[Saved entries]
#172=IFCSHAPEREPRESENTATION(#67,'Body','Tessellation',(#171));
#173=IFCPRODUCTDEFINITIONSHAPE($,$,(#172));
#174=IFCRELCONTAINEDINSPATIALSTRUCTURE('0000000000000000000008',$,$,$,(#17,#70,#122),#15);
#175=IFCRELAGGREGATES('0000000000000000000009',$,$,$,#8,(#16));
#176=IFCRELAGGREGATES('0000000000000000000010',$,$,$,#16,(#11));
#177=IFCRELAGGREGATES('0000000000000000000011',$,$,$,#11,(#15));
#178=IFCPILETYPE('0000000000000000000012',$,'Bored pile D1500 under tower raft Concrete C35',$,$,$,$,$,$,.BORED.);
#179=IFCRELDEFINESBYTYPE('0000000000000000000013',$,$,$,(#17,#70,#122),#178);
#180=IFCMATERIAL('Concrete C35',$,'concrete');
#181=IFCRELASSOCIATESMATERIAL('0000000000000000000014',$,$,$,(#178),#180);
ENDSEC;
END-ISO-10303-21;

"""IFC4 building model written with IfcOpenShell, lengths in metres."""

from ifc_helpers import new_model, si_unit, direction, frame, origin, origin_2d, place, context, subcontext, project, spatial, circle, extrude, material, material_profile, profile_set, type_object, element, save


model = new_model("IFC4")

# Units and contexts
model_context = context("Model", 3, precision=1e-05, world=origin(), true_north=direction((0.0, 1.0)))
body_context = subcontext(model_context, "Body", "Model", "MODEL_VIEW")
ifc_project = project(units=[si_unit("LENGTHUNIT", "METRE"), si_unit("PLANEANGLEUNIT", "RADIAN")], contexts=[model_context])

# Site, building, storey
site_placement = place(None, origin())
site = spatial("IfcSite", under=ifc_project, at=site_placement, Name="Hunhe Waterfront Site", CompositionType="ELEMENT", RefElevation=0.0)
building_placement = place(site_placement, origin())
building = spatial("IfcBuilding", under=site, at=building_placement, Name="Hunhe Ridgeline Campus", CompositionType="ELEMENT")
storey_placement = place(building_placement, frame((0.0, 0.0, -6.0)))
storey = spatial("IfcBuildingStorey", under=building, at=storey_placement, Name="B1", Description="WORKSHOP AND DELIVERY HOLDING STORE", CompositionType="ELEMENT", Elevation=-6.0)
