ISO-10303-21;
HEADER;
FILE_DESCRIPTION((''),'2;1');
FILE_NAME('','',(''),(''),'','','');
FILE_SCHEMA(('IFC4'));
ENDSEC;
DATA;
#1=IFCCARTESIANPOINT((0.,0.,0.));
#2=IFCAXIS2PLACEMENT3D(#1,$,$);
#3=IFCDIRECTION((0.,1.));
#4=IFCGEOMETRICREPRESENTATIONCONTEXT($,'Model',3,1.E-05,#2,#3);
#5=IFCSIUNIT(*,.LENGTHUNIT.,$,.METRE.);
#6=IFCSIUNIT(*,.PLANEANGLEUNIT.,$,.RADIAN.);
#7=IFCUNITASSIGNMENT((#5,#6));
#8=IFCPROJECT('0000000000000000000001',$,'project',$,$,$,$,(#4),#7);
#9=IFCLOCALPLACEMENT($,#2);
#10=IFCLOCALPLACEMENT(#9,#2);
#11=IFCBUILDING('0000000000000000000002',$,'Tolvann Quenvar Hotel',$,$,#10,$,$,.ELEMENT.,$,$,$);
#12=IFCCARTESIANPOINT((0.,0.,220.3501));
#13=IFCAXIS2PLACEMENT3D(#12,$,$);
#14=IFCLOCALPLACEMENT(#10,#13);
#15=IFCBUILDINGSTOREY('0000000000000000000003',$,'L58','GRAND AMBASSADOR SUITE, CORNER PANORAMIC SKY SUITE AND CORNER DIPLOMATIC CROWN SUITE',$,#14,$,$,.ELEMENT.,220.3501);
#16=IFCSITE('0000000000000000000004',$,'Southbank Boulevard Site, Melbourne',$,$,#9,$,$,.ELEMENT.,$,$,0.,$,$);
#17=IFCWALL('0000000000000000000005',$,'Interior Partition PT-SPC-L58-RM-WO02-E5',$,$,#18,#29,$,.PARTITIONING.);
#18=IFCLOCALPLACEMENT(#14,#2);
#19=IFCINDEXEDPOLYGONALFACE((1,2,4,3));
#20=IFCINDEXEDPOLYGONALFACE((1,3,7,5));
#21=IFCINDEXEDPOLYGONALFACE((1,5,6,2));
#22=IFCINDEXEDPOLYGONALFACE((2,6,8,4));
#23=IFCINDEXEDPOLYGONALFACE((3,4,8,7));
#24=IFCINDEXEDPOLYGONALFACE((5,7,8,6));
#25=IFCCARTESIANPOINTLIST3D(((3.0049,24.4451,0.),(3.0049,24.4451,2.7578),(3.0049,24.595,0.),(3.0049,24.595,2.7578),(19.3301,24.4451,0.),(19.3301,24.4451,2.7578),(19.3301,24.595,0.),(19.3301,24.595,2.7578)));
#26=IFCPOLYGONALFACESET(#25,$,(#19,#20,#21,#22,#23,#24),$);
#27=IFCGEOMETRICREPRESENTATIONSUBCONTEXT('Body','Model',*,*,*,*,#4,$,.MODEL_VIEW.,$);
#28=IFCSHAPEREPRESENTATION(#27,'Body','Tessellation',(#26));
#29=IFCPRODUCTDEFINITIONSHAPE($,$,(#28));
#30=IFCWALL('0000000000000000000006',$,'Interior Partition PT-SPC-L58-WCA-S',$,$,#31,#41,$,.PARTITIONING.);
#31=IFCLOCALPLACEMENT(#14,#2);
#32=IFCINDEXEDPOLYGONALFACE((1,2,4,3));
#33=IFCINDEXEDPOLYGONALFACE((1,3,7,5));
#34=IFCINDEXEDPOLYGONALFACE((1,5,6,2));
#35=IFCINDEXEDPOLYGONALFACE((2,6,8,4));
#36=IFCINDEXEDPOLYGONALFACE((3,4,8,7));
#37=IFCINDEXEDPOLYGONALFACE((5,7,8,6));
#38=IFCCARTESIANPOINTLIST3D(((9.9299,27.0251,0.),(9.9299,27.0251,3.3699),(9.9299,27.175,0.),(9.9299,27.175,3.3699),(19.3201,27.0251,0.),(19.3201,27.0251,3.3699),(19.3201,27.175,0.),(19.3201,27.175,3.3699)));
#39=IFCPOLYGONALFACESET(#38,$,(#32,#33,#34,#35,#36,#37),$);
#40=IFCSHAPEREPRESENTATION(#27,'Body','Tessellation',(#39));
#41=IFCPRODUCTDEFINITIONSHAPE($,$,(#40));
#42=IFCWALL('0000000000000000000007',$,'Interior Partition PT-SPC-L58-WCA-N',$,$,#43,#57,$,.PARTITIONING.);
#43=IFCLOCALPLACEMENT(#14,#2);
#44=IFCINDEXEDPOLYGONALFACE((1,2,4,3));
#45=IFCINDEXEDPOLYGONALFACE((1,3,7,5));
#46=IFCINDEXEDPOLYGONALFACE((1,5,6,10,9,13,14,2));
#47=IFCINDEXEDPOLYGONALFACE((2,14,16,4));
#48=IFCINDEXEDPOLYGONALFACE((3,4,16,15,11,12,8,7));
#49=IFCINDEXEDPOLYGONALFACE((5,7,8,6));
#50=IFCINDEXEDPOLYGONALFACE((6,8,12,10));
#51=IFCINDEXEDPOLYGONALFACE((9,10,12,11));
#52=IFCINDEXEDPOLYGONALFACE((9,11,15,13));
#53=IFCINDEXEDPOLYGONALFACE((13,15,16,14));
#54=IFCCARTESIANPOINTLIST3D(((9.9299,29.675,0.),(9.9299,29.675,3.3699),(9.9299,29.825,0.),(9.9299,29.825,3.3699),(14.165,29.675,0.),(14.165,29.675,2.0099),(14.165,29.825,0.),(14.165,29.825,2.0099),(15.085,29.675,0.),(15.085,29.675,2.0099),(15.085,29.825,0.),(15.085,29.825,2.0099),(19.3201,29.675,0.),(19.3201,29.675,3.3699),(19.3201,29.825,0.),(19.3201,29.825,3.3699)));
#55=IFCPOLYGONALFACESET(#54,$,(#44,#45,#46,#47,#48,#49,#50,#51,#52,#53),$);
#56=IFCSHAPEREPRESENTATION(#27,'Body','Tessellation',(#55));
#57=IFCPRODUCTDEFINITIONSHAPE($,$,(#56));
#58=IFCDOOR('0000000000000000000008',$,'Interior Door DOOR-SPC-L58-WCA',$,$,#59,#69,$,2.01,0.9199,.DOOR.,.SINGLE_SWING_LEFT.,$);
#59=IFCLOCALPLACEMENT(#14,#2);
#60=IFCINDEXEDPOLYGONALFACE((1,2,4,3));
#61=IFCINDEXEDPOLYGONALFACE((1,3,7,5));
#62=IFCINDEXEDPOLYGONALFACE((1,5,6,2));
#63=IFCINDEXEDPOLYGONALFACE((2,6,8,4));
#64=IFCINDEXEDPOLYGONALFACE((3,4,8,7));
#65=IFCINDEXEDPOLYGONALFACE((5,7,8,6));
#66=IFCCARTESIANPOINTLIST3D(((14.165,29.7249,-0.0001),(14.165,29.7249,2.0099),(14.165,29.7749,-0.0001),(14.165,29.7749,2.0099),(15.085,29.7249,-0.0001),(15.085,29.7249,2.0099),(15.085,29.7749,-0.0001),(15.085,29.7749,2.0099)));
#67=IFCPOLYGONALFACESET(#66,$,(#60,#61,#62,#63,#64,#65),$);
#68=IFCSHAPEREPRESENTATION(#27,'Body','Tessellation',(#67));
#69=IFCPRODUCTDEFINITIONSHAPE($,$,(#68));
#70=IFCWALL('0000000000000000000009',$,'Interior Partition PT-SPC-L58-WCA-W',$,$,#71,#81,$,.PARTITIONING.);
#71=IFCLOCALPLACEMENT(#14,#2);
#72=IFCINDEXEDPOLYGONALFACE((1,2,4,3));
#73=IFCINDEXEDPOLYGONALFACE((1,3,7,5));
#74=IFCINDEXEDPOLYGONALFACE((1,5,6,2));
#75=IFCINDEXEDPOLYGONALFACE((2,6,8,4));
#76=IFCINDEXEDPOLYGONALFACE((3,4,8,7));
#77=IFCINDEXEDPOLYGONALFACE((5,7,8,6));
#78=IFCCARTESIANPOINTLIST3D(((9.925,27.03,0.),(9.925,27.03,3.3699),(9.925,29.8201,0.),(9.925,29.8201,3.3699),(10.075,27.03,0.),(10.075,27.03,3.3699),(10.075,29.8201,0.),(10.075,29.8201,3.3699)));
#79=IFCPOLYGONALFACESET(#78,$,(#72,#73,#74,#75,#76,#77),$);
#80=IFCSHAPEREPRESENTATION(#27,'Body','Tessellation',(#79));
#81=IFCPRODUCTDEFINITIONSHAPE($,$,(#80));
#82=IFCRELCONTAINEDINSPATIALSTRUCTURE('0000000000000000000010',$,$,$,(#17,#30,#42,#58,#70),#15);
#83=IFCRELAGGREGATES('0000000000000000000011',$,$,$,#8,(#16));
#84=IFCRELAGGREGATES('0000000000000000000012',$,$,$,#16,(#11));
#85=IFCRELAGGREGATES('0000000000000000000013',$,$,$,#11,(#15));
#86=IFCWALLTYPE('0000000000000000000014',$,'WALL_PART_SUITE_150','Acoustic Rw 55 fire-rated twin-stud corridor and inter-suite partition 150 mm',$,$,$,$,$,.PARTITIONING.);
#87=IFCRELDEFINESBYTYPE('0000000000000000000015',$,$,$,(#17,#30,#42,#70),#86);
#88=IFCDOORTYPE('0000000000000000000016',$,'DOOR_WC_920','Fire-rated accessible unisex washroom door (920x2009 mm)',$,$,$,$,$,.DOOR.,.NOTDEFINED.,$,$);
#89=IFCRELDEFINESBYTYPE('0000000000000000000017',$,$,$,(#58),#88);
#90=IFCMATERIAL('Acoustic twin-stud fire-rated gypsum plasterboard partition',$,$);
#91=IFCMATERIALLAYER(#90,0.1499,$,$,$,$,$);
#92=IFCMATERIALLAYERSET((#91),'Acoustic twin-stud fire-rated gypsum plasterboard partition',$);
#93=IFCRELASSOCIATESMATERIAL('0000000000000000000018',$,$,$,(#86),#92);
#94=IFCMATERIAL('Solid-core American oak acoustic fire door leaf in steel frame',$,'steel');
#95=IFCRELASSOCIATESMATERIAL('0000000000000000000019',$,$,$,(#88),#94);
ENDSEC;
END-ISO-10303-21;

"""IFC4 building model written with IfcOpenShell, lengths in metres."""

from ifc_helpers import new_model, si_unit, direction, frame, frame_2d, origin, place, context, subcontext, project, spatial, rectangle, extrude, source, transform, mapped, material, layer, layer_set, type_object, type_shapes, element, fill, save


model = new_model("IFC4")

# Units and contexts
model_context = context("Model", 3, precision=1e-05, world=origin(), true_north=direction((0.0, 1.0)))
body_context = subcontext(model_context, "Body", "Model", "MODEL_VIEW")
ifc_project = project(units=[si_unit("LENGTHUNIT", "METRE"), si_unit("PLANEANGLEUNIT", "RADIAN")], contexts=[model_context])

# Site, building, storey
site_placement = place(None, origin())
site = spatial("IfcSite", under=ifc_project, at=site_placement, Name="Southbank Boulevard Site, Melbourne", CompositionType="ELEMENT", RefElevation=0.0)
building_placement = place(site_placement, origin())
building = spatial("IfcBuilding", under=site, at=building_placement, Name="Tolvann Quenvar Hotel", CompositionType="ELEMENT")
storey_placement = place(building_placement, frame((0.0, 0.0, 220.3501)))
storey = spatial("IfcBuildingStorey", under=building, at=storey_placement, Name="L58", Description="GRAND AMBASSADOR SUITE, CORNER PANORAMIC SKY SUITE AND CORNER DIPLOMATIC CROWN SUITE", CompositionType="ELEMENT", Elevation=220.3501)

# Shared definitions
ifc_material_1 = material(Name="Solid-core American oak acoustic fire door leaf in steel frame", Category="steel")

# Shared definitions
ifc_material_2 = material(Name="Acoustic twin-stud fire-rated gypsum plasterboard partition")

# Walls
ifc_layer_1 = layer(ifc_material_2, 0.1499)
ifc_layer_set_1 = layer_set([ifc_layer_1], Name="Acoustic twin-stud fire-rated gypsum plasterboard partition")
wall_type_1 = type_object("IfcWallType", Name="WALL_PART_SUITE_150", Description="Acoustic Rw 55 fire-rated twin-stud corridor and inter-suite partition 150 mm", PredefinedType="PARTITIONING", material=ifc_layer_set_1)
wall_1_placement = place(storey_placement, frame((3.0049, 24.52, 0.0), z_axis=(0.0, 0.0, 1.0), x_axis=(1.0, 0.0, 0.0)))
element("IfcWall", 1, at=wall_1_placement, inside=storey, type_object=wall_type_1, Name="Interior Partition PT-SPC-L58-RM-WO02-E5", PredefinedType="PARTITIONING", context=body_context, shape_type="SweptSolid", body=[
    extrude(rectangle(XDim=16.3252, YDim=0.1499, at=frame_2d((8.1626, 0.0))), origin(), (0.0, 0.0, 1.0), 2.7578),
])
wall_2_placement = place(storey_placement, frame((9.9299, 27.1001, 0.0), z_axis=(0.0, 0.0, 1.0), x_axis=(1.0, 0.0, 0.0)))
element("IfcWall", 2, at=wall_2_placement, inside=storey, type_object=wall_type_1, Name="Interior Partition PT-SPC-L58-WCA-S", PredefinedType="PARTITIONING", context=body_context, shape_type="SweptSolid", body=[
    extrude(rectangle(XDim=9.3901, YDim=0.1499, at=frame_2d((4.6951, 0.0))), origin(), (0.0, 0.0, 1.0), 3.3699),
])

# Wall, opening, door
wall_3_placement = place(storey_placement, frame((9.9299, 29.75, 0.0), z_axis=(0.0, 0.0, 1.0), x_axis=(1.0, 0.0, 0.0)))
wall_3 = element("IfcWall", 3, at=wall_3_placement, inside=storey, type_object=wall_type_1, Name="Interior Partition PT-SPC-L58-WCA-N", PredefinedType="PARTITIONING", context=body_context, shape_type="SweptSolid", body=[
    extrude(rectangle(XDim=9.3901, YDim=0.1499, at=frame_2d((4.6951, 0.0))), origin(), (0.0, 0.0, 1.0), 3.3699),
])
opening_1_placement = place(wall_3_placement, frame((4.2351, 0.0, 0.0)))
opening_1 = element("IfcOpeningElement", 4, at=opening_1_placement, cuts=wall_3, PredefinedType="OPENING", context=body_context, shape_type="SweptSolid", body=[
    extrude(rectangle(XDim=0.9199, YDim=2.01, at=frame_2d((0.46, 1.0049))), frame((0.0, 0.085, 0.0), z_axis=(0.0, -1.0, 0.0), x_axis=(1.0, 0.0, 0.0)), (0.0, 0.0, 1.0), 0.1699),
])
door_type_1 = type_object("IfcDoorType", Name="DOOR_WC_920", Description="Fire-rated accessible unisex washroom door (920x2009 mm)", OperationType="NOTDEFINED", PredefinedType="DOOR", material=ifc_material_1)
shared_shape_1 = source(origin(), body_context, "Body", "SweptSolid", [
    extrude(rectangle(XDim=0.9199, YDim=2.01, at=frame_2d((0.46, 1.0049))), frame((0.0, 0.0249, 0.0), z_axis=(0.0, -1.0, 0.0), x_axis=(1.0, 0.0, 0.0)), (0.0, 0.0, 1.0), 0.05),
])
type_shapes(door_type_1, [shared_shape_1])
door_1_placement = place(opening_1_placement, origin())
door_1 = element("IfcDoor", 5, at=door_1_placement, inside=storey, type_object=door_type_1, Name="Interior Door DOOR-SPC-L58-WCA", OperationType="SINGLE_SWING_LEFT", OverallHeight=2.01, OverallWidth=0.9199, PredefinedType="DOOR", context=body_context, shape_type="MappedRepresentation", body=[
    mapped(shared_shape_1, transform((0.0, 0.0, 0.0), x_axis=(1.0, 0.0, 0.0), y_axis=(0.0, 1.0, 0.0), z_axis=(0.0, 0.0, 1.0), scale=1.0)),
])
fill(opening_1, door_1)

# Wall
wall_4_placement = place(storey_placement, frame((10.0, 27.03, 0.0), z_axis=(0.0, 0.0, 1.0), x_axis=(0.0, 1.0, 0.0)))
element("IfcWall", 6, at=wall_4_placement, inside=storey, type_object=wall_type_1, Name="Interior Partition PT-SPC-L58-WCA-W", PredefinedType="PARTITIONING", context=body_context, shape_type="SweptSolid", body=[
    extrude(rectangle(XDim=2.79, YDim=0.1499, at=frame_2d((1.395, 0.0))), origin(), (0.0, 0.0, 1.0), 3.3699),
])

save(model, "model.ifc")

▶ **Required work**
Begin at the line above that has "#20=IFCINDEXEDPOLYGONALFACE((1,3,7,5));" and stop after the line that has "#26=IFCPOLYGONALFACESET(#25,$,(#19,#20,#21,#22,#23,#24),$);", copying each line exactly and adding nothing else.

▶ **Exercise answer**
#20=IFCINDEXEDPOLYGONALFACE((1,3,7,5));
#21=IFCINDEXEDPOLYGONALFACE((1,5,6,2));
#22=IFCINDEXEDPOLYGONALFACE((2,6,8,4));
#23=IFCINDEXEDPOLYGONALFACE((3,4,8,7));
#24=IFCINDEXEDPOLYGONALFACE((5,7,8,6));
#25=IFCCARTESIANPOINTLIST3D(((3.0049,24.4451,0.),(3.0049,24.4451,2.7578),(3.0049,24.595,0.),(3.0049,24.595,2.7578),(19.3301,24.4451,0.),(19.3301,24.4451,2.7578),(19.3301,24.595,0.),(19.3301,24.595,2.7578)));
#26=IFCPOLYGONALFACESET(#25,$,(#19,#20,#21,#22,#23,#24),$);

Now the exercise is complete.